» **Exercise brief**: Output the records that follow exactly as they are written.

________________________

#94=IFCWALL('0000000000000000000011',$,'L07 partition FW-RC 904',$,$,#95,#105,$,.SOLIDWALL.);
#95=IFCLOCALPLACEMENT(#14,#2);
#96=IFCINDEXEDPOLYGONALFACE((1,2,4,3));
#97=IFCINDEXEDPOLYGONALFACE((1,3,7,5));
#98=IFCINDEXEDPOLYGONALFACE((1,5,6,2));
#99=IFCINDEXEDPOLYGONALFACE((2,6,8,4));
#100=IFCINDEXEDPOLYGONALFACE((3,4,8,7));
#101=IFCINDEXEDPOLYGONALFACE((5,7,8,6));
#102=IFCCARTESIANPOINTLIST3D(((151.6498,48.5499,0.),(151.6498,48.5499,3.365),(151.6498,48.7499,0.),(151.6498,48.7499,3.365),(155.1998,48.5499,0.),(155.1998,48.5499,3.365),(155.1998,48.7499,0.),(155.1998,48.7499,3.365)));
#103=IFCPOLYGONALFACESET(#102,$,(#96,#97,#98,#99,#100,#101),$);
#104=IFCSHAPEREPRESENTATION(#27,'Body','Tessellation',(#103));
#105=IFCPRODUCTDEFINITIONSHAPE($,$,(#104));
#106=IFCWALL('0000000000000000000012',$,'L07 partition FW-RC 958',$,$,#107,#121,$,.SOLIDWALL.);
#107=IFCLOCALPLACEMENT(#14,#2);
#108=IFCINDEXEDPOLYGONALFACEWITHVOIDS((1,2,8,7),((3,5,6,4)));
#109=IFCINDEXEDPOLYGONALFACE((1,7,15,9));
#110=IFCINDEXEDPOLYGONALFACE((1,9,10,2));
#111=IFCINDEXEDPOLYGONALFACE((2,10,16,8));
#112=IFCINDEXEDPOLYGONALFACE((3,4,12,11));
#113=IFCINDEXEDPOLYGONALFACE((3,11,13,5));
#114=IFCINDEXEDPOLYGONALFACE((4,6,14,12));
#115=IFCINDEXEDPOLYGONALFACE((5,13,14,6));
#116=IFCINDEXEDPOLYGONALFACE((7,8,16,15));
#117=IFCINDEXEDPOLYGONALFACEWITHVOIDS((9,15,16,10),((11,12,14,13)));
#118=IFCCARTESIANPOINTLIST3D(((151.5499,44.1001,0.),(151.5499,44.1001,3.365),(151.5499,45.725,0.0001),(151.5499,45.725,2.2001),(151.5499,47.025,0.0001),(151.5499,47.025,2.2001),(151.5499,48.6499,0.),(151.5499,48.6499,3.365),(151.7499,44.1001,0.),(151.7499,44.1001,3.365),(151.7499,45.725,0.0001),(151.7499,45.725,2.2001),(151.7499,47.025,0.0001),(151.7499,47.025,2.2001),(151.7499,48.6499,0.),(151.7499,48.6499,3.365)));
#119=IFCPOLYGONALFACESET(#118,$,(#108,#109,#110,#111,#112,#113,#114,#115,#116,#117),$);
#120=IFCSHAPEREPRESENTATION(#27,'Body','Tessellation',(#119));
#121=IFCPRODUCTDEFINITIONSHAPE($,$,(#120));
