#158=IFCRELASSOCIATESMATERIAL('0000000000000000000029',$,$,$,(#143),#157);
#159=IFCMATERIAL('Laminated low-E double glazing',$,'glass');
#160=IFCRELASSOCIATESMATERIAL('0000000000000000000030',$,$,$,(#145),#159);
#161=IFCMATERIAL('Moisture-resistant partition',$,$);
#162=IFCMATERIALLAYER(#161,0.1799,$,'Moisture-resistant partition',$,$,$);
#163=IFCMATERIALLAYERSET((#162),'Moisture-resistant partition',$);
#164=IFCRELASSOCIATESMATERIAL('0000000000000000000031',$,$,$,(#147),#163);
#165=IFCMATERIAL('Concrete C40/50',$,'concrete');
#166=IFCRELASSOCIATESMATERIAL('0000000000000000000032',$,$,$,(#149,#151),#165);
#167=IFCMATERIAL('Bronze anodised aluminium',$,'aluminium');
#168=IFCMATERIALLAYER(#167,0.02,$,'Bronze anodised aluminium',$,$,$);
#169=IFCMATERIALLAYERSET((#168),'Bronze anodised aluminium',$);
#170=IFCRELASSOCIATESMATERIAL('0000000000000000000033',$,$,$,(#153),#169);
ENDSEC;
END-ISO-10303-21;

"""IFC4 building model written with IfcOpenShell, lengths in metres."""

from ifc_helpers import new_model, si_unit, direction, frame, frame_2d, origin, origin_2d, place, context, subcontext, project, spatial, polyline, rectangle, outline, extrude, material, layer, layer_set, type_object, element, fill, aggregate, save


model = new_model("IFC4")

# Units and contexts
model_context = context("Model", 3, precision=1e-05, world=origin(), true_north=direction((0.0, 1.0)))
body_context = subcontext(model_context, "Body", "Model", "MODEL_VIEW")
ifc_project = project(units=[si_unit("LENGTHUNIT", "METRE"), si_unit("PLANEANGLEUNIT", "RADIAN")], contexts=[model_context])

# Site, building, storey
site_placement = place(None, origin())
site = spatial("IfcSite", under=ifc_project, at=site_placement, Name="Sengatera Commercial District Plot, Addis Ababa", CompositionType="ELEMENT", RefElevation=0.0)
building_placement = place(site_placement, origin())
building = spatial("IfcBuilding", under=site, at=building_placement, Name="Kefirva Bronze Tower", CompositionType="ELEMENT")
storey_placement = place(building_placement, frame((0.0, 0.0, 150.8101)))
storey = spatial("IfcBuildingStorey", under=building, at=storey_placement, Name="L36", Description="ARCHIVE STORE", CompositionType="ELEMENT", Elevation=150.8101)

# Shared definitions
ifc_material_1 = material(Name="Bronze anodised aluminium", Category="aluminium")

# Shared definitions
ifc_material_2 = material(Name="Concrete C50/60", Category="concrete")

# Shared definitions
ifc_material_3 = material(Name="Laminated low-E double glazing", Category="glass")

________________________

» **Result**:
#94=IFCWALL('0000000000000000000011',$,'L07 partition FW-RC 904',$,$,#95,#105,$,.SOLIDWALL.);
#95=IFCLOCALPLACEMENT(#14,#2);
#96=IFCINDEXEDPOLYGONALFACE((1,2,4,3));
#97=IFCINDEXEDPOLYGONALFACE((1,3,7,5));
#98=IFCINDEXEDPOLYGONALFACE((1,5,6,2));
#99=IFCINDEXEDPOLYGONALFACE((2,6,8,4));
#100=IFCINDEXEDPOLYGONALFACE((3,4,8,7));
#101=IFCINDEXEDPOLYGONALFACE((5,7,8,6));
#102=IFCCARTESIANPOINTLIST3D(((151.6498,48.5499,0.),(151.6498,48.5499,3.365),(151.6498,48.7499,0.),(151.6498,48.7499,3.365),(155.1998,48.5499,0.),(155.1998,48.5499,3.365),(155.1998,48.7499,0.),(155.1998,48.7499,3.365)));
#103=IFCPOLYGONALFACESET(#102,$,(#96,#97,#98,#99,#100,#101),$);
#104=IFCSHAPEREPRESENTATION(#27,'Body','Tessellation',(#103));
#105=IFCPRODUCTDEFINITIONSHAPE($,$,(#104));
#106=IFCWALL('0000000000000000000012',$,'L07 partition FW-RC 958',$,$,#107,#121,$,.SOLIDWALL.);
#107=IFCLOCALPLACEMENT(#14,#2);
#108=IFCINDEXEDPOLYGONALFACEWITHVOIDS((1,2,8,7),((3,5,6,4)));
#109=IFCINDEXEDPOLYGONALFACE((1,7,15,9));
#110=IFCINDEXEDPOLYGONALFACE((1,9,10,2));
#111=IFCINDEXEDPOLYGONALFACE((2,10,16,8));
#112=IFCINDEXEDPOLYGONALFACE((3,4,12,11));
#113=IFCINDEXEDPOLYGONALFACE((3,11,13,5));
#114=IFCINDEXEDPOLYGONALFACE((4,6,14,12));
#115=IFCINDEXEDPOLYGONALFACE((5,13,14,6));
#116=IFCINDEXEDPOLYGONALFACE((7,8,16,15));
#117=IFCINDEXEDPOLYGONALFACEWITHVOIDS((9,15,16,10),((11,12,14,13)));
#118=IFCCARTESIANPOINTLIST3D(((151.5499,44.1001,0.),(151.5499,44.1001,3.365),(151.5499,45.725,0.0001),(151.5499,45.725,2.2001),(151.5499,47.025,0.0001),(151.5499,47.025,2.2001),(151.5499,48.6499,0.),(151.5499,48.6499,3.365),(151.7499,44.1001,0.),(151.7499,44.1001,3.365),(151.7499,45.725,0.0001),(151.7499,45.725,2.2001),(151.7499,47.025,0.0001),(151.7499,47.025,2.2001),(151.7499,48.6499,0.),(151.7499,48.6499,3.365)));
#119=IFCPOLYGONALFACESET(#118,$,(#108,#109,#110,#111,#112,#113,#114,#115,#116,#117),$);
#120=IFCSHAPEREPRESENTATION(#27,'Body','Tessellation',(#119));
#121=IFCPRODUCTDEFINITIONSHAPE($,$,(#120));
#158=IFCRELASSOCIATESMATERIAL('0000000000000000000029',$,$,$,(#143),#157);
#159=IFCMATERIAL('Laminated low-E double glazing',$,'glass');
#160=IFCRELASSOCIATESMATERIAL('0000000000000000000030',$,$,$,(#145),#159);
#161=IFCMATERIAL('Moisture-resistant partition',$,$);
#162=IFCMATERIALLAYER(#161,0.1799,$,'Moisture-resistant partition',$,$,$);
#163=IFCMATERIALLAYERSET((#162),'Moisture-resistant partition',$);
#164=IFCRELASSOCIATESMATERIAL('0000000000000000000031',$,$,$,(#147),#163);
#165=IFCMATERIAL('Concrete C40/50',$,'concrete');
#166=IFCRELASSOCIATESMATERIAL('0000000000000000000032',$,$,$,(#149,#151),#165);
#167=IFCMATERIAL('Bronze anodised aluminium',$,'aluminium');
#168=IFCMATERIALLAYER(#167,0.02,$,'Bronze anodised aluminium',$,$,$);
#169=IFCMATERIALLAYERSET((#168),'Bronze anodised aluminium',$);
#170=IFCRELASSOCIATESMATERIAL('0000000000000000000033',$,$,$,(#153),#169);
ENDSEC;
END-ISO-10303-21;

"""IFC4 building model written with IfcOpenShell, lengths in metres."""

from ifc_helpers import new_model, si_unit, direction, frame, frame_2d, origin, origin_2d, place, context, subcontext, project, spatial, polyline, rectangle, outline, extrude, material, layer, layer_set, type_object, element, fill, aggregate, save


model = new_model("IFC4")

# Units and contexts
model_context = context("Model", 3, precision=1e-05, world=origin(), true_north=direction((0.0, 1.0)))
body_context = subcontext(model_context, "Body", "Model", "MODEL_VIEW")
ifc_project = project(units=[si_unit("LENGTHUNIT", "METRE"), si_unit("PLANEANGLEUNIT", "RADIAN")], contexts=[model_context])

# Site, building, storey
site_placement = place(None, origin())
site = spatial("IfcSite", under=ifc_project, at=site_placement, Name="Sengatera Commercial District Plot, Addis Ababa", CompositionType="ELEMENT", RefElevation=0.0)
building_placement = place(site_placement, origin())
building = spatial("IfcBuilding", under=site, at=building_placement, Name="Kefirva Bronze Tower", CompositionType="ELEMENT")
storey_placement = place(building_placement, frame((0.0, 0.0, 150.8101)))
storey = spatial("IfcBuildingStorey", under=building, at=storey_placement, Name="L36", Description="ARCHIVE STORE", CompositionType="ELEMENT", Elevation=150.8101)

# Shared definitions
ifc_material_1 = material(Name="Bronze anodised aluminium", Category="aluminium")

# Shared definitions
ifc_material_2 = material(Name="Concrete C50/60", Category="concrete")

# Shared definitions
ifc_material_3 = material(Name="Laminated low-E double glazing", Category="glass")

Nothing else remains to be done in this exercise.